Stored items
....................

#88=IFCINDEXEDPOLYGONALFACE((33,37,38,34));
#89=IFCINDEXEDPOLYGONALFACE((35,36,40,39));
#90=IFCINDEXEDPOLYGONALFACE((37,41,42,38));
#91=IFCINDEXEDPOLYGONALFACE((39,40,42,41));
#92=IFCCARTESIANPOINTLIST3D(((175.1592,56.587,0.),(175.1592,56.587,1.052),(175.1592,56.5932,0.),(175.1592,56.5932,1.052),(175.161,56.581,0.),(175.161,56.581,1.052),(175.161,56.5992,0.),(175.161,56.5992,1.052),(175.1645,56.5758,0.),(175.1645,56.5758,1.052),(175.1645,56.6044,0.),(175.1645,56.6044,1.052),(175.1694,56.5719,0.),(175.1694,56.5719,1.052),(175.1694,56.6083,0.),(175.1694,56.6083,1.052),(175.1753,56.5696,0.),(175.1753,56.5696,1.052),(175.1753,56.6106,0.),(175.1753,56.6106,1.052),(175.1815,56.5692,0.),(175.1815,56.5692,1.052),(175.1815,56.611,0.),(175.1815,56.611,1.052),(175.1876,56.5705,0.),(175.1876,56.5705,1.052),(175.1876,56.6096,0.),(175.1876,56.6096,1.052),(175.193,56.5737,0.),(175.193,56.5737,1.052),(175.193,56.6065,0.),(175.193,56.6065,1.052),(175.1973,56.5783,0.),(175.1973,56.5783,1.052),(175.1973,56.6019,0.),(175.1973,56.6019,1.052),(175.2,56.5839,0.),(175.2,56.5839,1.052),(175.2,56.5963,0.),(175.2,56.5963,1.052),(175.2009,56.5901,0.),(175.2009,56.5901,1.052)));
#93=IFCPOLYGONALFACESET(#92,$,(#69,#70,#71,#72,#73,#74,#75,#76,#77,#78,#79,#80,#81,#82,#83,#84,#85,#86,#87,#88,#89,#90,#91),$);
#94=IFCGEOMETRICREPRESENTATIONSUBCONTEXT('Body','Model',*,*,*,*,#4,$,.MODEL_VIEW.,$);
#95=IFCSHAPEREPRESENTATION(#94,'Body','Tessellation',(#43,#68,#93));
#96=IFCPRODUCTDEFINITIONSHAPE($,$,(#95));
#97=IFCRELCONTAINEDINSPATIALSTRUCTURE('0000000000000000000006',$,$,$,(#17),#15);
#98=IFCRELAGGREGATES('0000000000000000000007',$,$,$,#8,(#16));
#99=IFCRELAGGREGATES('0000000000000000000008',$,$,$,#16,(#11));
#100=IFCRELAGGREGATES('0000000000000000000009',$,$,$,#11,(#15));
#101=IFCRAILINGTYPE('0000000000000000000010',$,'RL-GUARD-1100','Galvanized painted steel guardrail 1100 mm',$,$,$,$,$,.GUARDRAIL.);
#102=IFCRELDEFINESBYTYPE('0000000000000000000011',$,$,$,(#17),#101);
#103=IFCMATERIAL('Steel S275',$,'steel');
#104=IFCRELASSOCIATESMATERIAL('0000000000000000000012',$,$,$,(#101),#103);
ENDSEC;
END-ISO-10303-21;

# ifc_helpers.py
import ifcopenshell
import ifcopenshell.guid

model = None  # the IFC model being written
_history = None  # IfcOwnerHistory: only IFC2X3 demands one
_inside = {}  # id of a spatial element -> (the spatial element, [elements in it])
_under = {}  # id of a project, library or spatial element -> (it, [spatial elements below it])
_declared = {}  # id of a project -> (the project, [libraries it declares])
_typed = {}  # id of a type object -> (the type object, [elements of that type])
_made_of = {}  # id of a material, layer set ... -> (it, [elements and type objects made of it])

....................

__WORK TASK__.
Please return the lines above that run from the line containing "#89=IFCINDEXEDPOLYGONALFACE((35,36,40,39));" to the line containing "#91=IFCINDEXEDPOLYGONALFACE((39,40,42,41));", inclusive, exactly and with no other lines.

__TASK SOLUTION__.
#89=IFCINDEXEDPOLYGONALFACE((35,36,40,39));
#90=IFCINDEXEDPOLYGONALFACE((37,41,42,38));
#91=IFCINDEXEDPOLYGONALFACE((39,40,42,41));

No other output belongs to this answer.